▶ Instructions to follow
Somewhere below are a line with "#109=IFCINDEXEDPOLYGONALFACE((25,29,30,26));" and a later line with "#116=IFCINDEXEDPOLYGONALFACE((39,40,42,41));". Output exactly those lines and all lines between them.
*** Opening Dataset records ***
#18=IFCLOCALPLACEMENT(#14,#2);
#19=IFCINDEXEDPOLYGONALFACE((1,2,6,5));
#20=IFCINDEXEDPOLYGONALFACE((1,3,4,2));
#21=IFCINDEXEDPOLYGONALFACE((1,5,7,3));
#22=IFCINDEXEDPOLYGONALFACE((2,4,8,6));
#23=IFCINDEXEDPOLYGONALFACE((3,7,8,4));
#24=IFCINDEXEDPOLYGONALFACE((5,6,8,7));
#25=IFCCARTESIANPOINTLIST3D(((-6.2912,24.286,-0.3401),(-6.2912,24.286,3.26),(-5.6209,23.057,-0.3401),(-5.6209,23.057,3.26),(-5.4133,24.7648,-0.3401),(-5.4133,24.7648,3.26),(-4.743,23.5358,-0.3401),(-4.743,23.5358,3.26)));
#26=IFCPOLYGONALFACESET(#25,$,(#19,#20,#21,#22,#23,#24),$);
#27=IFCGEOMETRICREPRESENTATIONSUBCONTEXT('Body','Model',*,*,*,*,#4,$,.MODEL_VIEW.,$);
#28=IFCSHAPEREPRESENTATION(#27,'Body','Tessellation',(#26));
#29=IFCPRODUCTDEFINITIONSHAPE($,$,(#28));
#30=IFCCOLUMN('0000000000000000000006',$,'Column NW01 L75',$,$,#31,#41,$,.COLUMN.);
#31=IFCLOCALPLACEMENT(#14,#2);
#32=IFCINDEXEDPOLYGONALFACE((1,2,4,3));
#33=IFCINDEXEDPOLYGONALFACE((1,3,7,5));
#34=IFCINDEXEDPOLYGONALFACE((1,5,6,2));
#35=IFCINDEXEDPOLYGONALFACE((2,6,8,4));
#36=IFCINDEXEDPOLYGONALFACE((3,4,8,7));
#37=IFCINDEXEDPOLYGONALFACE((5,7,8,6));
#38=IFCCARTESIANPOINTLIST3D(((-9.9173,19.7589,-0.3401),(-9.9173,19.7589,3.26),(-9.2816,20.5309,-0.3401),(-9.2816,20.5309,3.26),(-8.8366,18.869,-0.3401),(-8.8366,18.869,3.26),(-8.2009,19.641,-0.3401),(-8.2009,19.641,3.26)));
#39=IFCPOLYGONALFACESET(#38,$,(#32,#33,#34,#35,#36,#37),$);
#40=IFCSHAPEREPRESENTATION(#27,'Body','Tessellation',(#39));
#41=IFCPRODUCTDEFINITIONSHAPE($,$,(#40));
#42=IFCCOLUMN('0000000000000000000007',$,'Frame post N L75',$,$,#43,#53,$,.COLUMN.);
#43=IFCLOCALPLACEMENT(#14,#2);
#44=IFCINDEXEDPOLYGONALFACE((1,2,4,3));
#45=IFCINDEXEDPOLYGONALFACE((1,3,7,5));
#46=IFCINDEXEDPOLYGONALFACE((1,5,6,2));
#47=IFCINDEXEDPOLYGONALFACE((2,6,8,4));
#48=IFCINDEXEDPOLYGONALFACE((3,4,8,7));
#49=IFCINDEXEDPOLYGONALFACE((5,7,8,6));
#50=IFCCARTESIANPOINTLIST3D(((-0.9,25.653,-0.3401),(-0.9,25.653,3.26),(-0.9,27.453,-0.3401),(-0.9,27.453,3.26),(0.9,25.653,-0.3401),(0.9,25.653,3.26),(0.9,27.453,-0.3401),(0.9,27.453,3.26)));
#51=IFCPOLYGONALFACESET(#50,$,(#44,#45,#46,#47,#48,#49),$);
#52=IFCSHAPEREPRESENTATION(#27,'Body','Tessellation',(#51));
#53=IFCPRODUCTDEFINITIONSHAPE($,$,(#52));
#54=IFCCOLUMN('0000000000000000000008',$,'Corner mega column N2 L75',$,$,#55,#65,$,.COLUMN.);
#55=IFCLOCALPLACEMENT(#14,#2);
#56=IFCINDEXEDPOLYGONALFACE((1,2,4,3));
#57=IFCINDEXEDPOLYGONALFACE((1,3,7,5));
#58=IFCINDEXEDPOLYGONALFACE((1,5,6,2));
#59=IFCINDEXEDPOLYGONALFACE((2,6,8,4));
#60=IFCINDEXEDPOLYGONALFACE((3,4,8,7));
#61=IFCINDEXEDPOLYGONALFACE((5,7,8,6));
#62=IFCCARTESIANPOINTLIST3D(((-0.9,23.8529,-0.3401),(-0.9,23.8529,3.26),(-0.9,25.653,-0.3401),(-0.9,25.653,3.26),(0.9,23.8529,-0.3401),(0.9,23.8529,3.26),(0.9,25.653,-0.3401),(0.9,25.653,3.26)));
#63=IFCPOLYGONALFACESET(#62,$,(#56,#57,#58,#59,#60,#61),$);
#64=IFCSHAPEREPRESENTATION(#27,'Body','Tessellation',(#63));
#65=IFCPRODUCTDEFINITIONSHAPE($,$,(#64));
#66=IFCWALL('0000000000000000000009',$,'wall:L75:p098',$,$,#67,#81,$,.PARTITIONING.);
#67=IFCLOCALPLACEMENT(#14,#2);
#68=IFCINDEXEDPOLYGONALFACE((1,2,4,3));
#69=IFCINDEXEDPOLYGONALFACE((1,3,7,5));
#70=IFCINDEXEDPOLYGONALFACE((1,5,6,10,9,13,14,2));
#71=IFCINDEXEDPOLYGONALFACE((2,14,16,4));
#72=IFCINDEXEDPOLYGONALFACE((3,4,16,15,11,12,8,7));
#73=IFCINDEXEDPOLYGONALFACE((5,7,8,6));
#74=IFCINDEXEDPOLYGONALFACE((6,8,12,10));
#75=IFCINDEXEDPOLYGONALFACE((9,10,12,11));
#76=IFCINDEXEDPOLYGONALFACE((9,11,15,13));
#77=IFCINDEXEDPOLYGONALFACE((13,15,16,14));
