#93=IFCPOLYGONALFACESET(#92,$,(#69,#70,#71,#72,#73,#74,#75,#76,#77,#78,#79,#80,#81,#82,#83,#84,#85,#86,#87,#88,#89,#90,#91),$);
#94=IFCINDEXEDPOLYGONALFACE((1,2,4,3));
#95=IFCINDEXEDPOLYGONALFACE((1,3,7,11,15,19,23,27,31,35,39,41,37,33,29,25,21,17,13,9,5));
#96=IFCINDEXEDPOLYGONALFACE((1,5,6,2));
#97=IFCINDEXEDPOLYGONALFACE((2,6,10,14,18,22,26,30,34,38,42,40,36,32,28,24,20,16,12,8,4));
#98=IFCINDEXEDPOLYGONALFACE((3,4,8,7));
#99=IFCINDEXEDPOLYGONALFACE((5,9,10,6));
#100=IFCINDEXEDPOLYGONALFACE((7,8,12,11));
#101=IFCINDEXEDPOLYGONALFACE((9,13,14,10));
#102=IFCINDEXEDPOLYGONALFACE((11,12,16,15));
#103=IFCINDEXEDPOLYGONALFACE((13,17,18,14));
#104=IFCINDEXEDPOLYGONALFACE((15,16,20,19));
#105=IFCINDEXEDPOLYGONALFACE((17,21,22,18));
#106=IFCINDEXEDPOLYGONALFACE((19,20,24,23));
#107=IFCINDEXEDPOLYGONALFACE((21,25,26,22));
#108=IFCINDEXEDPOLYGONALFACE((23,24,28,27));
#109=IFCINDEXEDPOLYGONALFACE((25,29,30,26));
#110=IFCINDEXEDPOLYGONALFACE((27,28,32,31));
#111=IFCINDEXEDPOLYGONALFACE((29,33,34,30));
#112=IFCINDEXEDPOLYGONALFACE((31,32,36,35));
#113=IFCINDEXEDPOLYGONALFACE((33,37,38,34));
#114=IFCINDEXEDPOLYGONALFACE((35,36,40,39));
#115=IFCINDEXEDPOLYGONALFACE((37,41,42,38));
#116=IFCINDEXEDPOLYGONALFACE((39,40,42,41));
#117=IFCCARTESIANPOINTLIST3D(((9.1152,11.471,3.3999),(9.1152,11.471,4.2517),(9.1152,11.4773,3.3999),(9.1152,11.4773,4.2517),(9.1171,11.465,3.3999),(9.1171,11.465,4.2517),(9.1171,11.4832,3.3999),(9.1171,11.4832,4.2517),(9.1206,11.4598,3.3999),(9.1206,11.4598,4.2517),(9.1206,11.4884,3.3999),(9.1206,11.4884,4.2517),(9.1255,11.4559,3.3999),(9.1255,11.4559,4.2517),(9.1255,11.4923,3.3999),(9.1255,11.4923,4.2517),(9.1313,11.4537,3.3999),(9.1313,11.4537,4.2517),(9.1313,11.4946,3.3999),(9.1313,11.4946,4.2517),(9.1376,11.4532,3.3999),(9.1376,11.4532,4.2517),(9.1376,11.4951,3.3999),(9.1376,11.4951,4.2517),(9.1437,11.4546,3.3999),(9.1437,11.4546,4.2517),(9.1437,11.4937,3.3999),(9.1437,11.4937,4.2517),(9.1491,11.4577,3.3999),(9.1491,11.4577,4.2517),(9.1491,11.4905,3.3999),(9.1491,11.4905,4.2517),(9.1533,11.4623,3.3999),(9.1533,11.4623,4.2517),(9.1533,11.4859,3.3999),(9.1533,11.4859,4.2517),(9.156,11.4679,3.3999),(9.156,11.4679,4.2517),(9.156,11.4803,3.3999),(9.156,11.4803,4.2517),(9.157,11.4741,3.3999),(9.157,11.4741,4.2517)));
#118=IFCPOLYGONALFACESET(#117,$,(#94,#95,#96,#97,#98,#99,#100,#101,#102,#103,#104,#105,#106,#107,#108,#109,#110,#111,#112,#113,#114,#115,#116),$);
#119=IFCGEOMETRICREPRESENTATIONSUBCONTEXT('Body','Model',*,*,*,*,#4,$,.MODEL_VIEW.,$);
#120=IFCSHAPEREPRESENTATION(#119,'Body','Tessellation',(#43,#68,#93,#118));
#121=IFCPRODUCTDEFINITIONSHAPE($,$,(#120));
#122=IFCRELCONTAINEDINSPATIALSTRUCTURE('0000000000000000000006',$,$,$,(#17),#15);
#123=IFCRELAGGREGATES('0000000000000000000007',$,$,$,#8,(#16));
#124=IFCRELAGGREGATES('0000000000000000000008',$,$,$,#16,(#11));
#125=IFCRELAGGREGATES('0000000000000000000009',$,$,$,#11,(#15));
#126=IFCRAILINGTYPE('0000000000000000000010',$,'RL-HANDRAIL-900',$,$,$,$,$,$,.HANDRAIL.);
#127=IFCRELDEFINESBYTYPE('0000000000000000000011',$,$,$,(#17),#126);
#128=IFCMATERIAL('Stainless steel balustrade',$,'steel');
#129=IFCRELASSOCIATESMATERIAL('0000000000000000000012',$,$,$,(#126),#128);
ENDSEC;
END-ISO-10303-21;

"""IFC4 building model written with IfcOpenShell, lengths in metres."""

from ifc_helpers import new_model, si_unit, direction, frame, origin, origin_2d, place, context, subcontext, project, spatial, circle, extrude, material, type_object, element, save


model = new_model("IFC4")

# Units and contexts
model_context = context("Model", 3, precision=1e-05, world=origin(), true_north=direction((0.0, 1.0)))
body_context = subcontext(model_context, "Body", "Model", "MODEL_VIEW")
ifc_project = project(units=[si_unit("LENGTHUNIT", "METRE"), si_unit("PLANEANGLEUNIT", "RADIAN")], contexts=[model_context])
*** Closing Dataset records ***
▶ Written reply
#109=IFCINDEXEDPOLYGONALFACE((25,29,30,26));
#110=IFCINDEXEDPOLYGONALFACE((27,28,32,31));
#111=IFCINDEXEDPOLYGONALFACE((29,33,34,30));
#112=IFCINDEXEDPOLYGONALFACE((31,32,36,35));
#113=IFCINDEXEDPOLYGONALFACE((33,37,38,34));
#114=IFCINDEXEDPOLYGONALFACE((35,36,40,39));
#115=IFCINDEXEDPOLYGONALFACE((37,41,42,38));
#116=IFCINDEXEDPOLYGONALFACE((39,40,42,41));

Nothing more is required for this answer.